Below is a block of entries; repeat exactly the lines starting at the line that contains "#97=IFCINDEXEDPOLYGONALFACE((5,7,8,6));" and ending at the line that contains "#104=IFCINDEXEDPOLYGONALFACE((1,2,4,3));", both included.

Stored items:
◆ ◆ ◆ ◆ ◆ ◆ ◆
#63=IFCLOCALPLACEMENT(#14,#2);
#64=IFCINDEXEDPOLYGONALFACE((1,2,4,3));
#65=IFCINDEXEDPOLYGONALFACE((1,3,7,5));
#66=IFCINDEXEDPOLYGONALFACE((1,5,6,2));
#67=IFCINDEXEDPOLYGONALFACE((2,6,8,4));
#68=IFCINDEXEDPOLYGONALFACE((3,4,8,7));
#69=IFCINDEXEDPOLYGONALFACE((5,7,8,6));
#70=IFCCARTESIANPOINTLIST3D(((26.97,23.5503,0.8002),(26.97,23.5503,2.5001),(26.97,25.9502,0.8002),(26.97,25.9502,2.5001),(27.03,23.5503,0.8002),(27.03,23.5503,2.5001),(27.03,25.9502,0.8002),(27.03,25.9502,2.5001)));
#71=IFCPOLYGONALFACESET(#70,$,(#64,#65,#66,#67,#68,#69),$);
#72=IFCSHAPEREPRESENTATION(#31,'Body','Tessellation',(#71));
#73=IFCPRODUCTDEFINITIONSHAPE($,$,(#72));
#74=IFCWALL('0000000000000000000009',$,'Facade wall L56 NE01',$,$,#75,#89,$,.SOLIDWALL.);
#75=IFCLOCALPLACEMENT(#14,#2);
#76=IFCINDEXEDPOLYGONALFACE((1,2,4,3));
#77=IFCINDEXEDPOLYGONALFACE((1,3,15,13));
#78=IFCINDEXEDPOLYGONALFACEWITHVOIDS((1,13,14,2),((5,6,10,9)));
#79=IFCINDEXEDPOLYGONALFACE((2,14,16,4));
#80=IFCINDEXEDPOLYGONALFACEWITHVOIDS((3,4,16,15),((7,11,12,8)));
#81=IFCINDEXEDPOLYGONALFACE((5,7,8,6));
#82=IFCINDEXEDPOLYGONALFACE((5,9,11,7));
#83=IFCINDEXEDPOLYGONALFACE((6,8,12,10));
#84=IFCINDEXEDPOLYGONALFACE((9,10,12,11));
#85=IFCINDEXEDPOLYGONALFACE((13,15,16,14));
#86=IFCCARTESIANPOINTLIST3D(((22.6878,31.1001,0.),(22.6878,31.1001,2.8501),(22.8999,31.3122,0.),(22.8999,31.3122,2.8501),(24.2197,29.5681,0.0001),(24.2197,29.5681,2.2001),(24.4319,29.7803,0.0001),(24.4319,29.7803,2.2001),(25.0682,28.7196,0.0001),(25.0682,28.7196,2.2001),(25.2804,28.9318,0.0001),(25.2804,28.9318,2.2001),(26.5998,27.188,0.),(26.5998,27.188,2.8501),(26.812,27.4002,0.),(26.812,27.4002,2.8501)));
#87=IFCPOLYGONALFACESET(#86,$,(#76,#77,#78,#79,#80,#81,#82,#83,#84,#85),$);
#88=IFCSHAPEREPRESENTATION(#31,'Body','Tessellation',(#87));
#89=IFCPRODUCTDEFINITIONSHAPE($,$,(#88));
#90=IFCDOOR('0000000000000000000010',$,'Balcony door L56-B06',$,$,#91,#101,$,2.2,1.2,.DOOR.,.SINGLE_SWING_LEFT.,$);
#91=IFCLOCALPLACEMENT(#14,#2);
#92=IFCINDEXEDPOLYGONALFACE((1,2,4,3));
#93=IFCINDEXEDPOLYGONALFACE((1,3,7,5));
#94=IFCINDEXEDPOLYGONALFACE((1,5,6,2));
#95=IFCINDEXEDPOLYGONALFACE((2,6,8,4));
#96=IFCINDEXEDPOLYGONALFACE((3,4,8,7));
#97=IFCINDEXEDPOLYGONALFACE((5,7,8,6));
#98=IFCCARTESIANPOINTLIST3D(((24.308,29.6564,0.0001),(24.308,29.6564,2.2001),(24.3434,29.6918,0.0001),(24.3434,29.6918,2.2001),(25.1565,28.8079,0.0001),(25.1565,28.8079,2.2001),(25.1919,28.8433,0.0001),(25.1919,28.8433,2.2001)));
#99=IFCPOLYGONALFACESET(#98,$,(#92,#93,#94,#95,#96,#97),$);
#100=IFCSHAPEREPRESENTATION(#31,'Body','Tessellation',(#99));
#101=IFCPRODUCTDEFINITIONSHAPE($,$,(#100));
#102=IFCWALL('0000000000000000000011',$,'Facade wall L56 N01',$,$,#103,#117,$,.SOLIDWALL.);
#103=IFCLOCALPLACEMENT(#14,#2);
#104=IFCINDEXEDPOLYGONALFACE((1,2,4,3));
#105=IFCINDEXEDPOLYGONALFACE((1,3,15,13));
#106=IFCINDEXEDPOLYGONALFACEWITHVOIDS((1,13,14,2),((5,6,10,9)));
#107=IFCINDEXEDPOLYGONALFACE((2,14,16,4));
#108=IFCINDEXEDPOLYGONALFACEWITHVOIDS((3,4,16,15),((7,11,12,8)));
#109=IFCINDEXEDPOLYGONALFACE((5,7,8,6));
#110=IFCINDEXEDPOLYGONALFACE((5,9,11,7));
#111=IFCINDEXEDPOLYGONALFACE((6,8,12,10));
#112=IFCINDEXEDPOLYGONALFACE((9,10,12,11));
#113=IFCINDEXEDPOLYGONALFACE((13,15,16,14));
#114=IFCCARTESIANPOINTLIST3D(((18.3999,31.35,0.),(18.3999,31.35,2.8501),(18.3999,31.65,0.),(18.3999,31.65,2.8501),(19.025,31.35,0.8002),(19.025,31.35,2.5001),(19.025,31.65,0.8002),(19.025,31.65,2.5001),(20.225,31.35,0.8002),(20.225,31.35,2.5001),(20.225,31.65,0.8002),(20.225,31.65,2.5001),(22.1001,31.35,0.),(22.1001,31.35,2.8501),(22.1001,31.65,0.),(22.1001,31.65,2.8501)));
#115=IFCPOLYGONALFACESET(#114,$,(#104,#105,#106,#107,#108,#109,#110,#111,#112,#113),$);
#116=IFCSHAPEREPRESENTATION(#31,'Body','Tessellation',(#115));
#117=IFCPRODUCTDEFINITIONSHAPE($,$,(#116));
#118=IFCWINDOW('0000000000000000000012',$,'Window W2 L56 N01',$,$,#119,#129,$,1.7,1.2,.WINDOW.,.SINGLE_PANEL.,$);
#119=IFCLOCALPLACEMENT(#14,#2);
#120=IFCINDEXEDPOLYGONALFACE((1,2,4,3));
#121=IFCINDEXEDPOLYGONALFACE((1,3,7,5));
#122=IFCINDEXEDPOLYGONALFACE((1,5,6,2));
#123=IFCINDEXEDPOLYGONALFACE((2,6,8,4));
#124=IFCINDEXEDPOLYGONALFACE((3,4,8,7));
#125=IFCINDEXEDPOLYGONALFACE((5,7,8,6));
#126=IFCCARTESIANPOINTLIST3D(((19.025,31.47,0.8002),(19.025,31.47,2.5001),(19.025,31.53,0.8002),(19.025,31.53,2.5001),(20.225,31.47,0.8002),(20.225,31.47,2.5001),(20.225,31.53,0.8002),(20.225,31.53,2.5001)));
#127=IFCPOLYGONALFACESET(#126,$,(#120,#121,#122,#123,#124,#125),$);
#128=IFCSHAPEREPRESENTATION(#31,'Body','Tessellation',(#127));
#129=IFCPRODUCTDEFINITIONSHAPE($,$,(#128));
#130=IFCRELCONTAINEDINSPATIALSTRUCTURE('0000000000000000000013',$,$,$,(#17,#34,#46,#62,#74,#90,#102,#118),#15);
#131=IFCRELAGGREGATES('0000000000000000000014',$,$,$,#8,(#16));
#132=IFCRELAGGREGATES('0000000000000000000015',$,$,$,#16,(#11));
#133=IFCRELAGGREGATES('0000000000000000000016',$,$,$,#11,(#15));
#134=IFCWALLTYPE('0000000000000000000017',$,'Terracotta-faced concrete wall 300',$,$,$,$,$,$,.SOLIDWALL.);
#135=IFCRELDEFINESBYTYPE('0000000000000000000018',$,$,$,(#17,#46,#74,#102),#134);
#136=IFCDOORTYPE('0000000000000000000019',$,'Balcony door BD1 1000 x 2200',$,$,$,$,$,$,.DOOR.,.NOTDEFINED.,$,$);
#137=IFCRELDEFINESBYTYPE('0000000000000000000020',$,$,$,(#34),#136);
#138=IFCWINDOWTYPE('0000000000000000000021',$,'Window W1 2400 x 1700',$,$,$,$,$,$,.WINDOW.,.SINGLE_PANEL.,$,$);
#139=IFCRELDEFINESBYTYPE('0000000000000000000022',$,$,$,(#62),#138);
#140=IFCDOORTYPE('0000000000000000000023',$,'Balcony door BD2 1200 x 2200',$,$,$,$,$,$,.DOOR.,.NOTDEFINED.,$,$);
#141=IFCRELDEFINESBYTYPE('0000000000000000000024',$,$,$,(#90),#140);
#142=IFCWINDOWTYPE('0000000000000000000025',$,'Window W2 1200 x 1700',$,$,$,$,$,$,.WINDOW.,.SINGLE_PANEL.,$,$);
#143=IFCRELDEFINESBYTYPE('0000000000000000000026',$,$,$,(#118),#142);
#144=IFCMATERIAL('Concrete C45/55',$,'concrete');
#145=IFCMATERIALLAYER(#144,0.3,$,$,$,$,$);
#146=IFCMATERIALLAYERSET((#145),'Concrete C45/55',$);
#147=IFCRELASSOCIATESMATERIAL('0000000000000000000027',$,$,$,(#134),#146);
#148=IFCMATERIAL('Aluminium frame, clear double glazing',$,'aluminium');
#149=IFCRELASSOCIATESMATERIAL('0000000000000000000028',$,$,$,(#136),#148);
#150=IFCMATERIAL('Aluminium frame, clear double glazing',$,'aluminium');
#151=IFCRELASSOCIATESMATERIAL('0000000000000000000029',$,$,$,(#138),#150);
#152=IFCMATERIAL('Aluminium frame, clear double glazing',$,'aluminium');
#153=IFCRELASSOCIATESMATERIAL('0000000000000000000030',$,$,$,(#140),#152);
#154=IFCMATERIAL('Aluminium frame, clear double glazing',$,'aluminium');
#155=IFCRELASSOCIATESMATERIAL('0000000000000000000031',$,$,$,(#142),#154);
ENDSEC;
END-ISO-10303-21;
◆ ◆ ◆ ◆ ◆ ◆ ◆
REPLY TO THE TASK:
#97=IFCINDEXEDPOLYGONALFACE((5,7,8,6));
#98=IFCCARTESIANPOINTLIST3D(((24.308,29.6564,0.0001),(24.308,29.6564,2.2001),(24.3434,29.6918,0.0001),(24.3434,29.6918,2.2001),(25.1565,28.8079,0.0001),(25.1565,28.8079,2.2001),(25.1919,28.8433,0.0001),(25.1919,28.8433,2.2001)));
#99=IFCPOLYGONALFACESET(#98,$,(#92,#93,#94,#95,#96,#97),$);
#100=IFCSHAPEREPRESENTATION(#31,'Body','Tessellation',(#99));
#101=IFCPRODUCTDEFINITIONSHAPE($,$,(#100));
#102=IFCWALL('0000000000000000000011',$,'Facade wall L56 N01',$,$,#103,#117,$,.SOLIDWALL.);
#103=IFCLOCALPLACEMENT(#14,#2);
#104=IFCINDEXEDPOLYGONALFACE((1,2,4,3));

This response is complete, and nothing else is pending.